(Data extracted from a collection)
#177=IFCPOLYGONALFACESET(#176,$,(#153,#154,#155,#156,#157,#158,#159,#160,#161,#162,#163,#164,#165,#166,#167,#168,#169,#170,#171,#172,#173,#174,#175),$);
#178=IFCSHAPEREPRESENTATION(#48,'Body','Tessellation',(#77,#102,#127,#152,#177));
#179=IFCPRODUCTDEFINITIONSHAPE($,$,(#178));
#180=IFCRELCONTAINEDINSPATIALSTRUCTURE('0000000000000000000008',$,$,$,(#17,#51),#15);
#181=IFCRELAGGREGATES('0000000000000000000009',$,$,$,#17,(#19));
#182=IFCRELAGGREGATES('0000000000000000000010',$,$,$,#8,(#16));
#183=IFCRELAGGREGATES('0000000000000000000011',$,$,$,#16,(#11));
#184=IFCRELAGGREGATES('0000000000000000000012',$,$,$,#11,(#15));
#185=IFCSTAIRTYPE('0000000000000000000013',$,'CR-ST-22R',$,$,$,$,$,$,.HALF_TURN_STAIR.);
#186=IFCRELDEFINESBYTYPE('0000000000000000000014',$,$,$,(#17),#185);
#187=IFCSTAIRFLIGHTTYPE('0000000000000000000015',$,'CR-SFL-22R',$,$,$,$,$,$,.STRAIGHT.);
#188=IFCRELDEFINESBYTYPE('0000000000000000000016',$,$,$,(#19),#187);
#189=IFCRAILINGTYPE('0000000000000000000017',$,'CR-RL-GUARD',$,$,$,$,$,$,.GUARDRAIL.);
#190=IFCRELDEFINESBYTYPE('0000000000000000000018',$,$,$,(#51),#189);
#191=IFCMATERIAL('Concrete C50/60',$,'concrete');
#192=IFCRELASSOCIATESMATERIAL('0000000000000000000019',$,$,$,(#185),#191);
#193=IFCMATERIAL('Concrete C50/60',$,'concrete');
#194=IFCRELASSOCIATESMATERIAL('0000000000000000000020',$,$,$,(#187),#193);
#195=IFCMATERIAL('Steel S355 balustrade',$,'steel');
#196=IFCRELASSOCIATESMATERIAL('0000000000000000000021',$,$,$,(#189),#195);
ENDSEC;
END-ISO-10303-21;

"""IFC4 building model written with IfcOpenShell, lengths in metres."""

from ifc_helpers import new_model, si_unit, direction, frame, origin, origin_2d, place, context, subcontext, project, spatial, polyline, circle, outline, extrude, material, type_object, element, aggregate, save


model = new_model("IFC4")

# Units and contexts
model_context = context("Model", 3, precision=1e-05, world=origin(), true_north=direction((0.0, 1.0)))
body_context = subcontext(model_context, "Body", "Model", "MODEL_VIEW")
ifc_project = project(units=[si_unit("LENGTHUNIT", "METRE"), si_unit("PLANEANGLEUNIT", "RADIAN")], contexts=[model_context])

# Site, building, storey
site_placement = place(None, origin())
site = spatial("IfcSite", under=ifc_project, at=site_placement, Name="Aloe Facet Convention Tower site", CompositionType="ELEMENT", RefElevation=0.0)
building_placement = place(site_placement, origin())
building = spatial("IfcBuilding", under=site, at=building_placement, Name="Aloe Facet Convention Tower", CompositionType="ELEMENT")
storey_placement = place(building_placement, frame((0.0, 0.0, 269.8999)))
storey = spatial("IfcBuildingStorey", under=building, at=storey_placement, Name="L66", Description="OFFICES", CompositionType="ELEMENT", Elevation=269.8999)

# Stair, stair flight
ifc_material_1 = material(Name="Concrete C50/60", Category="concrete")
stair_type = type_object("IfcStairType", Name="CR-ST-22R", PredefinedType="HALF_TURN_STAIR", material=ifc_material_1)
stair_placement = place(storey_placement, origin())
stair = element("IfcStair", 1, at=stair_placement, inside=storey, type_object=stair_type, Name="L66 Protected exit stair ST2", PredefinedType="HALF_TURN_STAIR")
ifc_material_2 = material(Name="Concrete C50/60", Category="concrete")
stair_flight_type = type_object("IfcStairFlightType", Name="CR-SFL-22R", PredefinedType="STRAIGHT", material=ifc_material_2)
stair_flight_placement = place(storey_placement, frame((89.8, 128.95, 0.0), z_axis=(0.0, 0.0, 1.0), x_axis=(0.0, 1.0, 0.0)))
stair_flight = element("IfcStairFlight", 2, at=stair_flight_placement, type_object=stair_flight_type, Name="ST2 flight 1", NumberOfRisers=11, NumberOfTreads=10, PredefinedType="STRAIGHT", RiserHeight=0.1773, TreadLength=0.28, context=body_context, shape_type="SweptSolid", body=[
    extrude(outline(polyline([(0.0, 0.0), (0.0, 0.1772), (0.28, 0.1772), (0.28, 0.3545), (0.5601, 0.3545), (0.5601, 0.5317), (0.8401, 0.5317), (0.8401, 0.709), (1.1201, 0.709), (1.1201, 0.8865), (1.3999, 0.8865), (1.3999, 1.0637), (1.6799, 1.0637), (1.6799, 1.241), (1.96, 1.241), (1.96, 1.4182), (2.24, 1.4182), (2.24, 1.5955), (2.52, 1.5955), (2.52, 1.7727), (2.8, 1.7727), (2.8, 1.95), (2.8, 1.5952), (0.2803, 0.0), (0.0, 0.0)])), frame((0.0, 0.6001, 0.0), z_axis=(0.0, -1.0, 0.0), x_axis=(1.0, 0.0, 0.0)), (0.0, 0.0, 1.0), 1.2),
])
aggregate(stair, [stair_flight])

Exercise brief: Reproduce the data exactly, altering nothing.

Answer for the task:
#177=IFCPOLYGONALFACESET(#176,$,(#153,#154,#155,#156,#157,#158,#159,#160,#161,#162,#163,#164,#165,#166,#167,#168,#169,#170,#171,#172,#173,#174,#175),$);
#178=IFCSHAPEREPRESENTATION(#48,'Body','Tessellation',(#77,#102,#127,#152,#177));
#179=IFCPRODUCTDEFINITIONSHAPE($,$,(#178));
#180=IFCRELCONTAINEDINSPATIALSTRUCTURE('0000000000000000000008',$,$,$,(#17,#51),#15);
#181=IFCRELAGGREGATES('0000000000000000000009',$,$,$,#17,(#19));
#182=IFCRELAGGREGATES('0000000000000000000010',$,$,$,#8,(#16));
#183=IFCRELAGGREGATES('0000000000000000000011',$,$,$,#16,(#11));
#184=IFCRELAGGREGATES('0000000000000000000012',$,$,$,#11,(#15));
#185=IFCSTAIRTYPE('0000000000000000000013',$,'CR-ST-22R',$,$,$,$,$,$,.HALF_TURN_STAIR.);
#186=IFCRELDEFINESBYTYPE('0000000000000000000014',$,$,$,(#17),#185);
#187=IFCSTAIRFLIGHTTYPE('0000000000000000000015',$,'CR-SFL-22R',$,$,$,$,$,$,.STRAIGHT.);
#188=IFCRELDEFINESBYTYPE('0000000000000000000016',$,$,$,(#19),#187);
#189=IFCRAILINGTYPE('0000000000000000000017',$,'CR-RL-GUARD',$,$,$,$,$,$,.GUARDRAIL.);
#190=IFCRELDEFINESBYTYPE('0000000000000000000018',$,$,$,(#51),#189);
#191=IFCMATERIAL('Concrete C50/60',$,'concrete');
#192=IFCRELASSOCIATESMATERIAL('0000000000000000000019',$,$,$,(#185),#191);
#193=IFCMATERIAL('Concrete C50/60',$,'concrete');
#194=IFCRELASSOCIATESMATERIAL('0000000000000000000020',$,$,$,(#187),#193);
#195=IFCMATERIAL('Steel S355 balustrade',$,'steel');
#196=IFCRELASSOCIATESMATERIAL('0000000000000000000021',$,$,$,(#189),#195);
ENDSEC;
END-ISO-10303-21;

"""IFC4 building model written with IfcOpenShell, lengths in metres."""

from ifc_helpers import new_model, si_unit, direction, frame, origin, origin_2d, place, context, subcontext, project, spatial, polyline, circle, outline, extrude, material, type_object, element, aggregate, save


model = new_model("IFC4")

# Units and contexts
model_context = context("Model", 3, precision=1e-05, world=origin(), true_north=direction((0.0, 1.0)))
body_context = subcontext(model_context, "Body", "Model", "MODEL_VIEW")
ifc_project = project(units=[si_unit("LENGTHUNIT", "METRE"), si_unit("PLANEANGLEUNIT", "RADIAN")], contexts=[model_context])

# Site, building, storey
site_placement = place(None, origin())
site = spatial("IfcSite", under=ifc_project, at=site_placement, Name="Aloe Facet Convention Tower site", CompositionType="ELEMENT", RefElevation=0.0)
building_placement = place(site_placement, origin())
building = spatial("IfcBuilding", under=site, at=building_placement, Name="Aloe Facet Convention Tower", CompositionType="ELEMENT")
storey_placement = place(building_placement, frame((0.0, 0.0, 269.8999)))
storey = spatial("IfcBuildingStorey", under=building, at=storey_placement, Name="L66", Description="OFFICES", CompositionType="ELEMENT", Elevation=269.8999)

# Stair, stair flight
ifc_material_1 = material(Name="Concrete C50/60", Category="concrete")
stair_type = type_object("IfcStairType", Name="CR-ST-22R", PredefinedType="HALF_TURN_STAIR", material=ifc_material_1)
stair_placement = place(storey_placement, origin())
stair = element("IfcStair", 1, at=stair_placement, inside=storey, type_object=stair_type, Name="L66 Protected exit stair ST2", PredefinedType="HALF_TURN_STAIR")
ifc_material_2 = material(Name="Concrete C50/60", Category="concrete")
stair_flight_type = type_object("IfcStairFlightType", Name="CR-SFL-22R", PredefinedType="STRAIGHT", material=ifc_material_2)
stair_flight_placement = place(storey_placement, frame((89.8, 128.95, 0.0), z_axis=(0.0, 0.0, 1.0), x_axis=(0.0, 1.0, 0.0)))
stair_flight = element("IfcStairFlight", 2, at=stair_flight_placement, type_object=stair_flight_type, Name="ST2 flight 1", NumberOfRisers=11, NumberOfTreads=10, PredefinedType="STRAIGHT", RiserHeight=0.1773, TreadLength=0.28, context=body_context, shape_type="SweptSolid", body=[
    extrude(outline(polyline([(0.0, 0.0), (0.0, 0.1772), (0.28, 0.1772), (0.28, 0.3545), (0.5601, 0.3545), (0.5601, 0.5317), (0.8401, 0.5317), (0.8401, 0.709), (1.1201, 0.709), (1.1201, 0.8865), (1.3999, 0.8865), (1.3999, 1.0637), (1.6799, 1.0637), (1.6799, 1.241), (1.96, 1.241), (1.96, 1.4182), (2.24, 1.4182), (2.24, 1.5955), (2.52, 1.5955), (2.52, 1.7727), (2.8, 1.7727), (2.8, 1.95), (2.8, 1.5952), (0.2803, 0.0), (0.0, 0.0)])), frame((0.0, 0.6001, 0.0), z_axis=(0.0, -1.0, 0.0), x_axis=(1.0, 0.0, 0.0)), (0.0, 0.0, 1.0), 1.2),
])
aggregate(stair, [stair_flight])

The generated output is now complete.